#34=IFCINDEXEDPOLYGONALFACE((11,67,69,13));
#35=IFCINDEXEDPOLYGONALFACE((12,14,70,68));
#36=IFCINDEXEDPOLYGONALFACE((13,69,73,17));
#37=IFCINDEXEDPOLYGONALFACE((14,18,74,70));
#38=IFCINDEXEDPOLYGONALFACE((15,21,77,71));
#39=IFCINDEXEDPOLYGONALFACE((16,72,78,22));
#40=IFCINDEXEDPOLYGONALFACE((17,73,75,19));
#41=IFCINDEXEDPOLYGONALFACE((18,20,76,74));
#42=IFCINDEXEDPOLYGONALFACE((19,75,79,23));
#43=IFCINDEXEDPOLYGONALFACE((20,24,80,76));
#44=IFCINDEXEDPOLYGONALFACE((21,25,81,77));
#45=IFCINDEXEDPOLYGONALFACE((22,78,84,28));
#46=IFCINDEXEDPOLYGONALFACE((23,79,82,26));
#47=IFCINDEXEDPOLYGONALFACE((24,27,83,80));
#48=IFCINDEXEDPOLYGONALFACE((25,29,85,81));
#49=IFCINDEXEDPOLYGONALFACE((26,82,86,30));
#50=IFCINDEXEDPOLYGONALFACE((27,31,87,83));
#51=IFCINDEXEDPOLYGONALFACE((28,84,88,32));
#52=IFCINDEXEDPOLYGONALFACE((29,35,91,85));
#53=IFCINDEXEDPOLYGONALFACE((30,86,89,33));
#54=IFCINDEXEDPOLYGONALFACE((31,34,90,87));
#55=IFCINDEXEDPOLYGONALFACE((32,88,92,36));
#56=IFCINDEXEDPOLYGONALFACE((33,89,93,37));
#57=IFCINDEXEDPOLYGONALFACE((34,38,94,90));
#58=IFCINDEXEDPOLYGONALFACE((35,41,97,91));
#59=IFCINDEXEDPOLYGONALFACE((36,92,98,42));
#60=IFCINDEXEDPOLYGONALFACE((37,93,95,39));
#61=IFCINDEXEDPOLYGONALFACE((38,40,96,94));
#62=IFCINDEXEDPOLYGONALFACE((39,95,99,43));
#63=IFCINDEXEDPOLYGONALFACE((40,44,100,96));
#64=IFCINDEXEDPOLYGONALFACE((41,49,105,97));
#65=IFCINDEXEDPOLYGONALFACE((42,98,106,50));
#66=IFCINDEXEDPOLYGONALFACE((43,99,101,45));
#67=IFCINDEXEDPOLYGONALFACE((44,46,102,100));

YOUR INSTRUCTIONS:
For this exercise, please output exactly the lines above starting at the line with "#48=IFCINDEXEDPOLYGONALFACE((25,29,85,81));" and ending at the line with "#57=IFCINDEXEDPOLYGONALFACE((34,38,94,90));", ends included.

RESULT:
#48=IFCINDEXEDPOLYGONALFACE((25,29,85,81));
#49=IFCINDEXEDPOLYGONALFACE((26,82,86,30));
#50=IFCINDEXEDPOLYGONALFACE((27,31,87,83));
#51=IFCINDEXEDPOLYGONALFACE((28,84,88,32));
#52=IFCINDEXEDPOLYGONALFACE((29,35,91,85));
#53=IFCINDEXEDPOLYGONALFACE((30,86,89,33));
#54=IFCINDEXEDPOLYGONALFACE((31,34,90,87));
#55=IFCINDEXEDPOLYGONALFACE((32,88,92,36));
#56=IFCINDEXEDPOLYGONALFACE((33,89,93,37));
#57=IFCINDEXEDPOLYGONALFACE((34,38,94,90));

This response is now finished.